*** Opening of Exercise data ***

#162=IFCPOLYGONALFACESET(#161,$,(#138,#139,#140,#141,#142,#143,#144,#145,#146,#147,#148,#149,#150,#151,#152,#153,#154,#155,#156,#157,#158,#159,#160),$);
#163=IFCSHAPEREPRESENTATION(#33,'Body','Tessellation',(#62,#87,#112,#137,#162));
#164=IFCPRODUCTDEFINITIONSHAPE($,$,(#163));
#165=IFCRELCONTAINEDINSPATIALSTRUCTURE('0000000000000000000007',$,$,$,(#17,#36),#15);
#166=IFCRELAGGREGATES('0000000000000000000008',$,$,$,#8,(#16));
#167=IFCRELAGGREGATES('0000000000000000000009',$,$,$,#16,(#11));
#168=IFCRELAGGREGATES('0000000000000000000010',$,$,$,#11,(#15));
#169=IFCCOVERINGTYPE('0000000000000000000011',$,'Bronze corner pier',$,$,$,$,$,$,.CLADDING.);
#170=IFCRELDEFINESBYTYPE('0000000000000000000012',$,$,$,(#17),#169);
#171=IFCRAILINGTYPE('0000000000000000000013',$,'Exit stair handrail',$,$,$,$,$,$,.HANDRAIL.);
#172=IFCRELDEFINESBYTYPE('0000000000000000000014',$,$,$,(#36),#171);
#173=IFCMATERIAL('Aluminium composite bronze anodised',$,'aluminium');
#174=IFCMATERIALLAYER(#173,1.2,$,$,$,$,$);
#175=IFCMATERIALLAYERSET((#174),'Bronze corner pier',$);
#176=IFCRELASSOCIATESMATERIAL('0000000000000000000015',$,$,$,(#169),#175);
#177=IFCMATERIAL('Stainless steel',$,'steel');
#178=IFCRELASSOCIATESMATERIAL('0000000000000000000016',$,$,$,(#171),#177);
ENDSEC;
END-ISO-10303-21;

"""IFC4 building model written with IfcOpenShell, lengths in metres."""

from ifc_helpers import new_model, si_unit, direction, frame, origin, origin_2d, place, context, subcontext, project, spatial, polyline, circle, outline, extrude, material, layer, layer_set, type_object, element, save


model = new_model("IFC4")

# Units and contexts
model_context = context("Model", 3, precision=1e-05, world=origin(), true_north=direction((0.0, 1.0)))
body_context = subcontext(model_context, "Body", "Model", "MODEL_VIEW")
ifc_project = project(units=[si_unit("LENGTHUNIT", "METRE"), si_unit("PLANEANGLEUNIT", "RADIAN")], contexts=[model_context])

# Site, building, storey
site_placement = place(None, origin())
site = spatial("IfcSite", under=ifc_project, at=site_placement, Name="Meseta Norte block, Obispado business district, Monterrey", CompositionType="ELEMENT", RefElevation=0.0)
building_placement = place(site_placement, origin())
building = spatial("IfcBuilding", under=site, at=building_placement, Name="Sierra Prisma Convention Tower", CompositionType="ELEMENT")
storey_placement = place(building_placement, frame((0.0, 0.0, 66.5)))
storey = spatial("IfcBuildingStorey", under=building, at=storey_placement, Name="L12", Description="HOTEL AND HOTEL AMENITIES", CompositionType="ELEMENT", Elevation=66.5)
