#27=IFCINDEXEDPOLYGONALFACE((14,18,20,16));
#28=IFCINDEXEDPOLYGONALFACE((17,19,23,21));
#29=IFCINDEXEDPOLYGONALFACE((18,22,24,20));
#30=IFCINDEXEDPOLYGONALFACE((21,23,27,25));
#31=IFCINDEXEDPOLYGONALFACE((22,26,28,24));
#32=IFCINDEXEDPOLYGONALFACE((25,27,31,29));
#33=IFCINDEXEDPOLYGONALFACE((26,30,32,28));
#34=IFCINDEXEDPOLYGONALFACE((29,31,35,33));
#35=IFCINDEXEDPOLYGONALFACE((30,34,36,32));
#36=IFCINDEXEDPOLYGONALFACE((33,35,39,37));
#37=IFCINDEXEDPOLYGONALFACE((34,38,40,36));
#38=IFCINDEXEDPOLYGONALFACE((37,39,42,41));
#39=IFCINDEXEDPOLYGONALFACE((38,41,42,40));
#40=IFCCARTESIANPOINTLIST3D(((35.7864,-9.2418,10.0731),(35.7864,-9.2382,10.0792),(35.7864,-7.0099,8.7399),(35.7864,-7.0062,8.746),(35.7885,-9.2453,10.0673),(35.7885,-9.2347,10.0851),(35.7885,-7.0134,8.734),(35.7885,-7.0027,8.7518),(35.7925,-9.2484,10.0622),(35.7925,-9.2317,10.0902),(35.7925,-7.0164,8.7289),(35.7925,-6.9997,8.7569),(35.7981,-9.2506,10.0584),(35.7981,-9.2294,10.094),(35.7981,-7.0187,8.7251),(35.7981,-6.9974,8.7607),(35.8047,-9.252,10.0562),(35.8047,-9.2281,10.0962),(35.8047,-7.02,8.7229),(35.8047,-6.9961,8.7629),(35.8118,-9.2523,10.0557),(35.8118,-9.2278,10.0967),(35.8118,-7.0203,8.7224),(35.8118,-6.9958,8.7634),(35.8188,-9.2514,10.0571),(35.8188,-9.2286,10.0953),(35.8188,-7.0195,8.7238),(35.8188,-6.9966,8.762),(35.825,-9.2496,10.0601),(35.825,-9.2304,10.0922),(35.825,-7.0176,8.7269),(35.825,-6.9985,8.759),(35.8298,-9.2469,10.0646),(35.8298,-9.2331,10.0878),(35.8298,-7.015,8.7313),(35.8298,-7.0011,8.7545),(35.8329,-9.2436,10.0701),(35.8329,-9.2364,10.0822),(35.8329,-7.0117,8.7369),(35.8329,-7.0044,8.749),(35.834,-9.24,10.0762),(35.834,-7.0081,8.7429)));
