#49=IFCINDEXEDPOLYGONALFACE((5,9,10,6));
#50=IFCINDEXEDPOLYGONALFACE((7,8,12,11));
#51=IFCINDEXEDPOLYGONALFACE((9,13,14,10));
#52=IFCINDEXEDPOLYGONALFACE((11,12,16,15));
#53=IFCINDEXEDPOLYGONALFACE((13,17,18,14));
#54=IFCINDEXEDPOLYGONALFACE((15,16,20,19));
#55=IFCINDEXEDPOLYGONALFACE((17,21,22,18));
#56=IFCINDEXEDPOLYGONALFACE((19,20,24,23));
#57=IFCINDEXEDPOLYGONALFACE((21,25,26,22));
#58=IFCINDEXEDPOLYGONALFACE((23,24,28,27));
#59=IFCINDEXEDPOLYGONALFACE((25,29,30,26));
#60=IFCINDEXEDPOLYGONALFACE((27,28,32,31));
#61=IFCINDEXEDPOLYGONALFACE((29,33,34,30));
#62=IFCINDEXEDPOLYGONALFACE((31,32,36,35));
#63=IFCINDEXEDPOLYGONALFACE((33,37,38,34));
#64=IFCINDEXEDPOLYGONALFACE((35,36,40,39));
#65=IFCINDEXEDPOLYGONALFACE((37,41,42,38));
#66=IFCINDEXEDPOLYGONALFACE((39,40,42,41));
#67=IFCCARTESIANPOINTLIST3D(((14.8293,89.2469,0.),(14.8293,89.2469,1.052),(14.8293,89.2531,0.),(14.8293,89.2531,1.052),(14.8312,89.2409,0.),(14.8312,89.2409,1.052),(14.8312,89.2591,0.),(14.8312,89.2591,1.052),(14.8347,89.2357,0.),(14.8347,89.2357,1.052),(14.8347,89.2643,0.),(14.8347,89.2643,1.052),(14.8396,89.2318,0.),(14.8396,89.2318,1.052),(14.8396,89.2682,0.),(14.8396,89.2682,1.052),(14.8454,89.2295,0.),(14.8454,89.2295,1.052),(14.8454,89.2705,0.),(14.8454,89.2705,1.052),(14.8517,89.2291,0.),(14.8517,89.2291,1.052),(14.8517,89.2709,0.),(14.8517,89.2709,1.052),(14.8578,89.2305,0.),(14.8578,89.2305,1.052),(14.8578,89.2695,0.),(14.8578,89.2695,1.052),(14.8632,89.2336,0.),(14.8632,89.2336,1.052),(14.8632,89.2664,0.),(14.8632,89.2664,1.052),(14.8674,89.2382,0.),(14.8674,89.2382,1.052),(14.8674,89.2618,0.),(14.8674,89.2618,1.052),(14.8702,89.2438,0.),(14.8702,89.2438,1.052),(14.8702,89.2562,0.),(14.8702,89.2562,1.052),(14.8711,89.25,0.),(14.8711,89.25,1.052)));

*** Close of Exercise data ***

▶ _Problem details_: Give back exactly the lines above, from the line containing "#35=IFCINDEXEDPOLYGONALFACE((30,34,36,32));" through the line containing "#60=IFCINDEXEDPOLYGONALFACE((27,28,32,31));", with both end lines and nothing more.

▶ _Task response_:
#35=IFCINDEXEDPOLYGONALFACE((30,34,36,32));
#36=IFCINDEXEDPOLYGONALFACE((33,35,39,37));
#37=IFCINDEXEDPOLYGONALFACE((34,38,40,36));
#38=IFCINDEXEDPOLYGONALFACE((37,39,42,41));
#39=IFCINDEXEDPOLYGONALFACE((38,41,42,40));
#40=IFCCARTESIANPOINTLIST3D(((35.7864,-9.2418,10.0731),(35.7864,-9.2382,10.0792),(35.7864,-7.0099,8.7399),(35.7864,-7.0062,8.746),(35.7885,-9.2453,10.0673),(35.7885,-9.2347,10.0851),(35.7885,-7.0134,8.734),(35.7885,-7.0027,8.7518),(35.7925,-9.2484,10.0622),(35.7925,-9.2317,10.0902),(35.7925,-7.0164,8.7289),(35.7925,-6.9997,8.7569),(35.7981,-9.2506,10.0584),(35.7981,-9.2294,10.094),(35.7981,-7.0187,8.7251),(35.7981,-6.9974,8.7607),(35.8047,-9.252,10.0562),(35.8047,-9.2281,10.0962),(35.8047,-7.02,8.7229),(35.8047,-6.9961,8.7629),(35.8118,-9.2523,10.0557),(35.8118,-9.2278,10.0967),(35.8118,-7.0203,8.7224),(35.8118,-6.9958,8.7634),(35.8188,-9.2514,10.0571),(35.8188,-9.2286,10.0953),(35.8188,-7.0195,8.7238),(35.8188,-6.9966,8.762),(35.825,-9.2496,10.0601),(35.825,-9.2304,10.0922),(35.825,-7.0176,8.7269),(35.825,-6.9985,8.759),(35.8298,-9.2469,10.0646),(35.8298,-9.2331,10.0878),(35.8298,-7.015,8.7313),(35.8298,-7.0011,8.7545),(35.8329,-9.2436,10.0701),(35.8329,-9.2364,10.0822),(35.8329,-7.0117,8.7369),(35.8329,-7.0044,8.749),(35.834,-9.24,10.0762),(35.834,-7.0081,8.7429)));
#49=IFCINDEXEDPOLYGONALFACE((5,9,10,6));
#50=IFCINDEXEDPOLYGONALFACE((7,8,12,11));
#51=IFCINDEXEDPOLYGONALFACE((9,13,14,10));
#52=IFCINDEXEDPOLYGONALFACE((11,12,16,15));
#53=IFCINDEXEDPOLYGONALFACE((13,17,18,14));
#54=IFCINDEXEDPOLYGONALFACE((15,16,20,19));
#55=IFCINDEXEDPOLYGONALFACE((17,21,22,18));
#56=IFCINDEXEDPOLYGONALFACE((19,20,24,23));
#57=IFCINDEXEDPOLYGONALFACE((21,25,26,22));
#58=IFCINDEXEDPOLYGONALFACE((23,24,28,27));
#59=IFCINDEXEDPOLYGONALFACE((25,29,30,26));
#60=IFCINDEXEDPOLYGONALFACE((27,28,32,31));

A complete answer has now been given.